--- START ---

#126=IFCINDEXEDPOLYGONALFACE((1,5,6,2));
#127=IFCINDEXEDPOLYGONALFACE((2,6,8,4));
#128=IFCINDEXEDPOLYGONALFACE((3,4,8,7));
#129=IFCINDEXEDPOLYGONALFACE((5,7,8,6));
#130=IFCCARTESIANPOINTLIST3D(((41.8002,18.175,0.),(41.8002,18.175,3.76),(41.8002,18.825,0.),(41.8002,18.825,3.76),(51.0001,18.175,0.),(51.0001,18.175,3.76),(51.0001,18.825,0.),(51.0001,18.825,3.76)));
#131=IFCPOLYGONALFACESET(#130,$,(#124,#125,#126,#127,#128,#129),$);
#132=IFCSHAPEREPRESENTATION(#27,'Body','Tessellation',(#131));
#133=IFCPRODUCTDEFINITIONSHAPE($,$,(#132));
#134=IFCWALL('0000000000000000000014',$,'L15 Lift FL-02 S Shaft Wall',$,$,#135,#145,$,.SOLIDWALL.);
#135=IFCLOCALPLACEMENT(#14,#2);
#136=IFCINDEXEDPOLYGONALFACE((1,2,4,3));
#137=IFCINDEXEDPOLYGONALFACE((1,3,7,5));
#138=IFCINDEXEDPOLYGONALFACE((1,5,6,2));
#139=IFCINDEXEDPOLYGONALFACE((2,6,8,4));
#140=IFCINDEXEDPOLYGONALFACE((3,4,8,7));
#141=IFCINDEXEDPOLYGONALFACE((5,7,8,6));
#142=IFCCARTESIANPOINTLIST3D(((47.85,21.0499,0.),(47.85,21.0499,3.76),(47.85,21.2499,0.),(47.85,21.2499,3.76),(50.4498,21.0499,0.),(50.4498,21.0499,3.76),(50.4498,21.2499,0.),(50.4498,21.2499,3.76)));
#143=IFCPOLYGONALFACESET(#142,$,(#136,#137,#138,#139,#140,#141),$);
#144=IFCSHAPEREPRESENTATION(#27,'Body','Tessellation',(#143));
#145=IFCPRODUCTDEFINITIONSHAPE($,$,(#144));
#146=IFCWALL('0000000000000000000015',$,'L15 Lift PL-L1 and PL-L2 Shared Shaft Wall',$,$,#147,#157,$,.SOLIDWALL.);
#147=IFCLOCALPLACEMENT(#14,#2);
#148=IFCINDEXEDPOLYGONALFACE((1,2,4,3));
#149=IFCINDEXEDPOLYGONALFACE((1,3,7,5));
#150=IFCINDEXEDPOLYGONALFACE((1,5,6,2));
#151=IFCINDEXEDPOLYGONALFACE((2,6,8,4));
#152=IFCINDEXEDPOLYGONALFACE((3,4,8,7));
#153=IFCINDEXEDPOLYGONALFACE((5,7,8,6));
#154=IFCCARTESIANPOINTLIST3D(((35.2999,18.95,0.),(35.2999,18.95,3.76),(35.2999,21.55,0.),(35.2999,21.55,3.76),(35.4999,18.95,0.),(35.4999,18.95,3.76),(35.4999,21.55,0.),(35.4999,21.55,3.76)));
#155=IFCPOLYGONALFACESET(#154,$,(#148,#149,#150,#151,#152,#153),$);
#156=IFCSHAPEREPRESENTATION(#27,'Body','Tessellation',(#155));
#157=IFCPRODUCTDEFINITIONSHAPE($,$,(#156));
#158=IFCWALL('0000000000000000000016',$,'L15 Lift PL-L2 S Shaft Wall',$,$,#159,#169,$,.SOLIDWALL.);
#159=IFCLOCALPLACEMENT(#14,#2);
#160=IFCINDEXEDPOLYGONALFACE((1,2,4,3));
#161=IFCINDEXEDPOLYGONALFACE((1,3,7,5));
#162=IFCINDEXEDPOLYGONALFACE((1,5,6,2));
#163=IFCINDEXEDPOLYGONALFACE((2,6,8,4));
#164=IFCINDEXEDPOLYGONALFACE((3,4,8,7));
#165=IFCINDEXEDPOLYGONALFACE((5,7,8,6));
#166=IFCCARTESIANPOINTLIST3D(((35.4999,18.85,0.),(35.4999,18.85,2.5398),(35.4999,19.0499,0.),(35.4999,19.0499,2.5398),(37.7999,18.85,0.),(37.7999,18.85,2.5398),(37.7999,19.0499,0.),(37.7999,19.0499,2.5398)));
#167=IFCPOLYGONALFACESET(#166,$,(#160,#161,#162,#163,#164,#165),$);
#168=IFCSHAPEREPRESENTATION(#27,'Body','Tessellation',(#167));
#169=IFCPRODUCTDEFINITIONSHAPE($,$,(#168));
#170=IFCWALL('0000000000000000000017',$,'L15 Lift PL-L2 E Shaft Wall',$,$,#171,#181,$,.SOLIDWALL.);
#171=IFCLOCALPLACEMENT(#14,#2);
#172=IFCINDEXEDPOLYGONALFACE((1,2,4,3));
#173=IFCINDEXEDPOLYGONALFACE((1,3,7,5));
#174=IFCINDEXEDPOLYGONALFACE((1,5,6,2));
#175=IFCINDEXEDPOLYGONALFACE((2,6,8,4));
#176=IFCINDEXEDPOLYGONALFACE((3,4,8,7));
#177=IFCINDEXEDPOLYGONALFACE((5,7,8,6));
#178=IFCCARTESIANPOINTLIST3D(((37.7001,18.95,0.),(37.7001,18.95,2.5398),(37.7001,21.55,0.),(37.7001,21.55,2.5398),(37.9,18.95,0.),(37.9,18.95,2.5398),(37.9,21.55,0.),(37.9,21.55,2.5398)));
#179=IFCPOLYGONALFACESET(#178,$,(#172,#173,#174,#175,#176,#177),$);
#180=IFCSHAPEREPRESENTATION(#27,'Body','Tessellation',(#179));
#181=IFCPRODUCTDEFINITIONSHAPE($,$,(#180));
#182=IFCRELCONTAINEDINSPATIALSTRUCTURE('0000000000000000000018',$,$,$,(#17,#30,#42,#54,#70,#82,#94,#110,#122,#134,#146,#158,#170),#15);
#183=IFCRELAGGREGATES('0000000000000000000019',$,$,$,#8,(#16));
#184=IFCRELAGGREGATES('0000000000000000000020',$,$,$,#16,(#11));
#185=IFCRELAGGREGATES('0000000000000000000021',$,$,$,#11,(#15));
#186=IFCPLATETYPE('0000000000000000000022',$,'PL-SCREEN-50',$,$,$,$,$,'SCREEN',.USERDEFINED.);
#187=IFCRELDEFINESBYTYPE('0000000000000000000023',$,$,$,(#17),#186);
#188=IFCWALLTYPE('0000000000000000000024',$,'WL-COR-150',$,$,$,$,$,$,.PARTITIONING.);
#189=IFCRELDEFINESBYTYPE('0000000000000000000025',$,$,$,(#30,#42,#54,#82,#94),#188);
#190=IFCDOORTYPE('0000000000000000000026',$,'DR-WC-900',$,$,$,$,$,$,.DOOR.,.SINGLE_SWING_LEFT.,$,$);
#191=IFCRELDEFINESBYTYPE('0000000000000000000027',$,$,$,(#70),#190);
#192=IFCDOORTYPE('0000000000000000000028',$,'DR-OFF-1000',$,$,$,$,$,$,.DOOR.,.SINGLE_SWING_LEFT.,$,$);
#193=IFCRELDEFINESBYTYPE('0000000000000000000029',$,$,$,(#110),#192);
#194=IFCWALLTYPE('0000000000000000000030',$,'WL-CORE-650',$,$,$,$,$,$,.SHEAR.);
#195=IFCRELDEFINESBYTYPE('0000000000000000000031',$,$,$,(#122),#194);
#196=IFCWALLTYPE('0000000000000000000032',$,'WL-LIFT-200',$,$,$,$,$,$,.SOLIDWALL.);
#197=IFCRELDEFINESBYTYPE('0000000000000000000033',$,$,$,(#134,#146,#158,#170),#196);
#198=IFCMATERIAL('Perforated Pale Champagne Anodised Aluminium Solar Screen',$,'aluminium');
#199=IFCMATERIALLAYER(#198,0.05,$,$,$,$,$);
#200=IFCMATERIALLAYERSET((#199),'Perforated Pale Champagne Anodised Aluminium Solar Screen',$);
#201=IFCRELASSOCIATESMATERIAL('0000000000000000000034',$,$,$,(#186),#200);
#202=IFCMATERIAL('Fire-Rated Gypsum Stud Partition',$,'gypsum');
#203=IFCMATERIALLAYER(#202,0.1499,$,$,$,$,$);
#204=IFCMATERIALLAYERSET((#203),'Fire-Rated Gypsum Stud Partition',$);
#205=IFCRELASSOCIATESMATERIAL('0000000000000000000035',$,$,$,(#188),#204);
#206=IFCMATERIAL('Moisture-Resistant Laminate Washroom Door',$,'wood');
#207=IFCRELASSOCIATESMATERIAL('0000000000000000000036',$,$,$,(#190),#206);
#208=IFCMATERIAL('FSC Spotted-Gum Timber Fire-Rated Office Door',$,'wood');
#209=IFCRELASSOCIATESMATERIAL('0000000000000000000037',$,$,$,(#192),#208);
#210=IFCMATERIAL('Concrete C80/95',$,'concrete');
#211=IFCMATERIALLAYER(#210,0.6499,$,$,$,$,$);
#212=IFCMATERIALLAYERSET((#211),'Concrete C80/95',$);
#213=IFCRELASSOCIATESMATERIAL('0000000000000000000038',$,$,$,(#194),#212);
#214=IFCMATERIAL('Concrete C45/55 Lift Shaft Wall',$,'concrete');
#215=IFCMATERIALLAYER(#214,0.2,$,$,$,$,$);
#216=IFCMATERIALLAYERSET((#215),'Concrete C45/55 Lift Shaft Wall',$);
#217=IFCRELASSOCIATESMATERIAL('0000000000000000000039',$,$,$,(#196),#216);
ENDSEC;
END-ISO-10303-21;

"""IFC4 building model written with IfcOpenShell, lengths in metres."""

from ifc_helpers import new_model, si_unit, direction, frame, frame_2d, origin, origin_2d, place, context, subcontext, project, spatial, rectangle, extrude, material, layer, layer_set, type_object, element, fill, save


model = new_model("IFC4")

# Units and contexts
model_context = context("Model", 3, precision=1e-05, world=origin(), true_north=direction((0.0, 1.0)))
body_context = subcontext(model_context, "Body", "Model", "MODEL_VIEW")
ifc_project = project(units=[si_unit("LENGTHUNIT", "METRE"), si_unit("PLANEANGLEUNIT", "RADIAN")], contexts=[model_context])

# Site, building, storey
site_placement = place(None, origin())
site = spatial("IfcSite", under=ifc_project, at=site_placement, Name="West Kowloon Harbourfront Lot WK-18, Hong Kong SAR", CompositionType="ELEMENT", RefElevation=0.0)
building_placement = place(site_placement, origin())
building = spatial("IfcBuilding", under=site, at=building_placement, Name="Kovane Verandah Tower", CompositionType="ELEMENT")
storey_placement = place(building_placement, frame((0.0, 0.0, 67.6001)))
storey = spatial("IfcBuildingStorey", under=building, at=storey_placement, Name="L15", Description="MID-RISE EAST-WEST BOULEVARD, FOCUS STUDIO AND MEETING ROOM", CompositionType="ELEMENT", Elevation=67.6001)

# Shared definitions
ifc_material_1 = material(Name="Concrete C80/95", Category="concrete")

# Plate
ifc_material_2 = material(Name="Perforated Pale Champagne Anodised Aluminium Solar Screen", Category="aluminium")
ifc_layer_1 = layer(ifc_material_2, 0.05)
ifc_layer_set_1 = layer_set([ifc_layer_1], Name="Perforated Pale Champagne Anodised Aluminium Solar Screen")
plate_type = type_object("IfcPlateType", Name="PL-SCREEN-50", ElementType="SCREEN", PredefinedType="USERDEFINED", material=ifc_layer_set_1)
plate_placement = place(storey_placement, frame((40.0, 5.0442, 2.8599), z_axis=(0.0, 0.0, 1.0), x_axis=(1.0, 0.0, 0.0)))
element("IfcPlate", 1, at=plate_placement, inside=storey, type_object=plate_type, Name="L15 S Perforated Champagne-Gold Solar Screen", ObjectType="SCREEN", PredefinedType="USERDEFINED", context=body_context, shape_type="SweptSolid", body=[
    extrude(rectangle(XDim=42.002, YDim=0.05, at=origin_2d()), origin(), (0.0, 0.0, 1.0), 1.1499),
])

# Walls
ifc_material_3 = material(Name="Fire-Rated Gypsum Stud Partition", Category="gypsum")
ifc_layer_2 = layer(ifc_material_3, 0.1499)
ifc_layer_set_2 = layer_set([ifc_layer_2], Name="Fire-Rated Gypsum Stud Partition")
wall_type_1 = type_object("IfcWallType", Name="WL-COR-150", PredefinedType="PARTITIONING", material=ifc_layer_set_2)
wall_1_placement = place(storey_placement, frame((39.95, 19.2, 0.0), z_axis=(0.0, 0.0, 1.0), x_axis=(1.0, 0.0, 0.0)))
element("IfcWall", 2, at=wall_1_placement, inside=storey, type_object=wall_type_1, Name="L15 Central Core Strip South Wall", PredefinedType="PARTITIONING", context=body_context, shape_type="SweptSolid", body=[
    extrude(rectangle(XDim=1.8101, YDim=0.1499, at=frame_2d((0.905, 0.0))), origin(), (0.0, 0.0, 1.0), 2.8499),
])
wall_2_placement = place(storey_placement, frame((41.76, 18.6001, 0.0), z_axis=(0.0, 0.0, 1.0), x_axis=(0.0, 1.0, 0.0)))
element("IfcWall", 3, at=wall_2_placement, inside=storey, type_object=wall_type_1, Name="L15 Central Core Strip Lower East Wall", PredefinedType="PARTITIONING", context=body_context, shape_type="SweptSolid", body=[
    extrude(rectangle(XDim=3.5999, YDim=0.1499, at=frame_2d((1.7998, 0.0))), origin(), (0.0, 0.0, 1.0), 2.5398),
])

--- END ---

### Task to carry out
Once you find the line with "#200=IFCMATERIALLAYERSET((#199),'Perforated Pale Champagne" above, print it and every line after it up to and including the line with "#212=IFCMATERIALLAYERSET((#211),'Concrete C80/95',$);", exactly as written and nothing else.

### Response area
#200=IFCMATERIALLAYERSET((#199),'Perforated Pale Champagne Anodised Aluminium Solar Screen',$);
#201=IFCRELASSOCIATESMATERIAL('0000000000000000000034',$,$,$,(#186),#200);
#202=IFCMATERIAL('Fire-Rated Gypsum Stud Partition',$,'gypsum');
#203=IFCMATERIALLAYER(#202,0.1499,$,$,$,$,$);
#204=IFCMATERIALLAYERSET((#203),'Fire-Rated Gypsum Stud Partition',$);
#205=IFCRELASSOCIATESMATERIAL('0000000000000000000035',$,$,$,(#188),#204);
#206=IFCMATERIAL('Moisture-Resistant Laminate Washroom Door',$,'wood');
#207=IFCRELASSOCIATESMATERIAL('0000000000000000000036',$,$,$,(#190),#206);
#208=IFCMATERIAL('FSC Spotted-Gum Timber Fire-Rated Office Door',$,'wood');
#209=IFCRELASSOCIATESMATERIAL('0000000000000000000037',$,$,$,(#192),#208);
#210=IFCMATERIAL('Concrete C80/95',$,'concrete');
#211=IFCMATERIALLAYER(#210,0.6499,$,$,$,$,$);
#212=IFCMATERIALLAYERSET((#211),'Concrete C80/95',$);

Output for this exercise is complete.